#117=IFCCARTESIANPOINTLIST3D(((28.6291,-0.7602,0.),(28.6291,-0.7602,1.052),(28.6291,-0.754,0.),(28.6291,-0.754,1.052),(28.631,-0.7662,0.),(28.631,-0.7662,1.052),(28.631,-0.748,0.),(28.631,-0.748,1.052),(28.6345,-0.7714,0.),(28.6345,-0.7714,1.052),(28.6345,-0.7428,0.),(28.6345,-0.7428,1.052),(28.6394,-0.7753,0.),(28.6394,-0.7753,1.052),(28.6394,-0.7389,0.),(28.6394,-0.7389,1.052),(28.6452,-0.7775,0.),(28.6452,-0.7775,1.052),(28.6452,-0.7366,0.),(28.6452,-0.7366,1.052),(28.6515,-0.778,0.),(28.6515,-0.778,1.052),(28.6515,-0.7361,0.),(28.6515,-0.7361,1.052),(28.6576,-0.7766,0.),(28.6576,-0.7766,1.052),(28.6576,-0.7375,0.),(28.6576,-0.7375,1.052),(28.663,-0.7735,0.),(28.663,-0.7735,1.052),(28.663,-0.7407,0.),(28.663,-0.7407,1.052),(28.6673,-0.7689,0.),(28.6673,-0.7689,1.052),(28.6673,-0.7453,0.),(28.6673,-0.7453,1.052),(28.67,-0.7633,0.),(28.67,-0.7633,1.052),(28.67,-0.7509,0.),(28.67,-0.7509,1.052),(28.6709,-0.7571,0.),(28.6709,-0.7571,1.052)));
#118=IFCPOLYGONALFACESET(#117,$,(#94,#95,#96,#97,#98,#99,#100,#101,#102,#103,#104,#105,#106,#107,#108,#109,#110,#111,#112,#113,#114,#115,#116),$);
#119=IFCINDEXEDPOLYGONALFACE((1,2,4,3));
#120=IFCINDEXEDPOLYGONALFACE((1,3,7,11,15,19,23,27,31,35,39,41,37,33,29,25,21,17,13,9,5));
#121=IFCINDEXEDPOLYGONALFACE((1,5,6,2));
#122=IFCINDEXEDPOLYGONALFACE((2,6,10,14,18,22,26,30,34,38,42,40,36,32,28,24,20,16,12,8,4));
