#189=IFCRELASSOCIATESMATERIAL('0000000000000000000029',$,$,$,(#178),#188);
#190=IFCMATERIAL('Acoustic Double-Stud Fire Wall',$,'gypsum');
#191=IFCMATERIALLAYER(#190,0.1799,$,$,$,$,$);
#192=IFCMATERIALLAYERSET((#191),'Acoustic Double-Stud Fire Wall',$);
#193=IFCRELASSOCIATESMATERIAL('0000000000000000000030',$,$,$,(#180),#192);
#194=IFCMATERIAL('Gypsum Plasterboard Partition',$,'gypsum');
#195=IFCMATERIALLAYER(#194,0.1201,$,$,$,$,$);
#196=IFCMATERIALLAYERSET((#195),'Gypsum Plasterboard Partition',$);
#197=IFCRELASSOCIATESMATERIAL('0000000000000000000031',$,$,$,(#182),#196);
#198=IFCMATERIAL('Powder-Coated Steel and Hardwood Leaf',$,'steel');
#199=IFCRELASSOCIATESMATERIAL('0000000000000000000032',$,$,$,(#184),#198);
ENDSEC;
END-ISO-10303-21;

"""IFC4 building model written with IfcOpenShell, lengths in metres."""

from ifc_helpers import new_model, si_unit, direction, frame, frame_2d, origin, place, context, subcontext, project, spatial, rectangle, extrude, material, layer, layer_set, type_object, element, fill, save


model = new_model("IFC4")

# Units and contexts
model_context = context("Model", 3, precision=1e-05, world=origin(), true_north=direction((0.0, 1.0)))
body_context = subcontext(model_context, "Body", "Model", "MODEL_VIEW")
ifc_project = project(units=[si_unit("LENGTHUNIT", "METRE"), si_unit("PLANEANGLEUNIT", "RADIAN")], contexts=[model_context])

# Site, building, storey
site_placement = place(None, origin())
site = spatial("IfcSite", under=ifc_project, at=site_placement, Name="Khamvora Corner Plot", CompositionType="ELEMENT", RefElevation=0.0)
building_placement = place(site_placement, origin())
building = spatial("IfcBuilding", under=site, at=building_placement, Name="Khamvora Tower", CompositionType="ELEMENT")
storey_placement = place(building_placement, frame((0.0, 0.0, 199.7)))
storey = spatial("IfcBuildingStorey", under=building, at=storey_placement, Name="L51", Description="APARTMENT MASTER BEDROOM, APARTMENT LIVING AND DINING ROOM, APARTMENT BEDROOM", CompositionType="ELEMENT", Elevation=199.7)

::::

Set down every line of the listing above again, exactly as given.

#117=IFCCARTESIANPOINTLIST3D(((28.6291,-0.7602,0.),(28.6291,-0.7602,1.052),(28.6291,-0.754,0.),(28.6291,-0.754,1.052),(28.631,-0.7662,0.),(28.631,-0.7662,1.052),(28.631,-0.748,0.),(28.631,-0.748,1.052),(28.6345,-0.7714,0.),(28.6345,-0.7714,1.052),(28.6345,-0.7428,0.),(28.6345,-0.7428,1.052),(28.6394,-0.7753,0.),(28.6394,-0.7753,1.052),(28.6394,-0.7389,0.),(28.6394,-0.7389,1.052),(28.6452,-0.7775,0.),(28.6452,-0.7775,1.052),(28.6452,-0.7366,0.),(28.6452,-0.7366,1.052),(28.6515,-0.778,0.),(28.6515,-0.778,1.052),(28.6515,-0.7361,0.),(28.6515,-0.7361,1.052),(28.6576,-0.7766,0.),(28.6576,-0.7766,1.052),(28.6576,-0.7375,0.),(28.6576,-0.7375,1.052),(28.663,-0.7735,0.),(28.663,-0.7735,1.052),(28.663,-0.7407,0.),(28.663,-0.7407,1.052),(28.6673,-0.7689,0.),(28.6673,-0.7689,1.052),(28.6673,-0.7453,0.),(28.6673,-0.7453,1.052),(28.67,-0.7633,0.),(28.67,-0.7633,1.052),(28.67,-0.7509,0.),(28.67,-0.7509,1.052),(28.6709,-0.7571,0.),(28.6709,-0.7571,1.052)));
#118=IFCPOLYGONALFACESET(#117,$,(#94,#95,#96,#97,#98,#99,#100,#101,#102,#103,#104,#105,#106,#107,#108,#109,#110,#111,#112,#113,#114,#115,#116),$);
#119=IFCINDEXEDPOLYGONALFACE((1,2,4,3));
#120=IFCINDEXEDPOLYGONALFACE((1,3,7,11,15,19,23,27,31,35,39,41,37,33,29,25,21,17,13,9,5));
#121=IFCINDEXEDPOLYGONALFACE((1,5,6,2));
#122=IFCINDEXEDPOLYGONALFACE((2,6,10,14,18,22,26,30,34,38,42,40,36,32,28,24,20,16,12,8,4));
#189=IFCRELASSOCIATESMATERIAL('0000000000000000000029',$,$,$,(#178),#188);
#190=IFCMATERIAL('Acoustic Double-Stud Fire Wall',$,'gypsum');
#191=IFCMATERIALLAYER(#190,0.1799,$,$,$,$,$);
#192=IFCMATERIALLAYERSET((#191),'Acoustic Double-Stud Fire Wall',$);
#193=IFCRELASSOCIATESMATERIAL('0000000000000000000030',$,$,$,(#180),#192);
#194=IFCMATERIAL('Gypsum Plasterboard Partition',$,'gypsum');
#195=IFCMATERIALLAYER(#194,0.1201,$,$,$,$,$);
#196=IFCMATERIALLAYERSET((#195),'Gypsum Plasterboard Partition',$);
#197=IFCRELASSOCIATESMATERIAL('0000000000000000000031',$,$,$,(#182),#196);
#198=IFCMATERIAL('Powder-Coated Steel and Hardwood Leaf',$,'steel');
#199=IFCRELASSOCIATESMATERIAL('0000000000000000000032',$,$,$,(#184),#198);
ENDSEC;
END-ISO-10303-21;

"""IFC4 building model written with IfcOpenShell, lengths in metres."""

from ifc_helpers import new_model, si_unit, direction, frame, frame_2d, origin, place, context, subcontext, project, spatial, rectangle, extrude, material, layer, layer_set, type_object, element, fill, save


model = new_model("IFC4")

# Units and contexts
model_context = context("Model", 3, precision=1e-05, world=origin(), true_north=direction((0.0, 1.0)))
body_context = subcontext(model_context, "Body", "Model", "MODEL_VIEW")
ifc_project = project(units=[si_unit("LENGTHUNIT", "METRE"), si_unit("PLANEANGLEUNIT", "RADIAN")], contexts=[model_context])

# Site, building, storey
site_placement = place(None, origin())
site = spatial("IfcSite", under=ifc_project, at=site_placement, Name="Khamvora Corner Plot", CompositionType="ELEMENT", RefElevation=0.0)
building_placement = place(site_placement, origin())
building = spatial("IfcBuilding", under=site, at=building_placement, Name="Khamvora Tower", CompositionType="ELEMENT")
storey_placement = place(building_placement, frame((0.0, 0.0, 199.7)))
storey = spatial("IfcBuildingStorey", under=building, at=storey_placement, Name="L51", Description="APARTMENT MASTER BEDROOM, APARTMENT LIVING AND DINING ROOM, APARTMENT BEDROOM", CompositionType="ELEMENT", Elevation=199.7)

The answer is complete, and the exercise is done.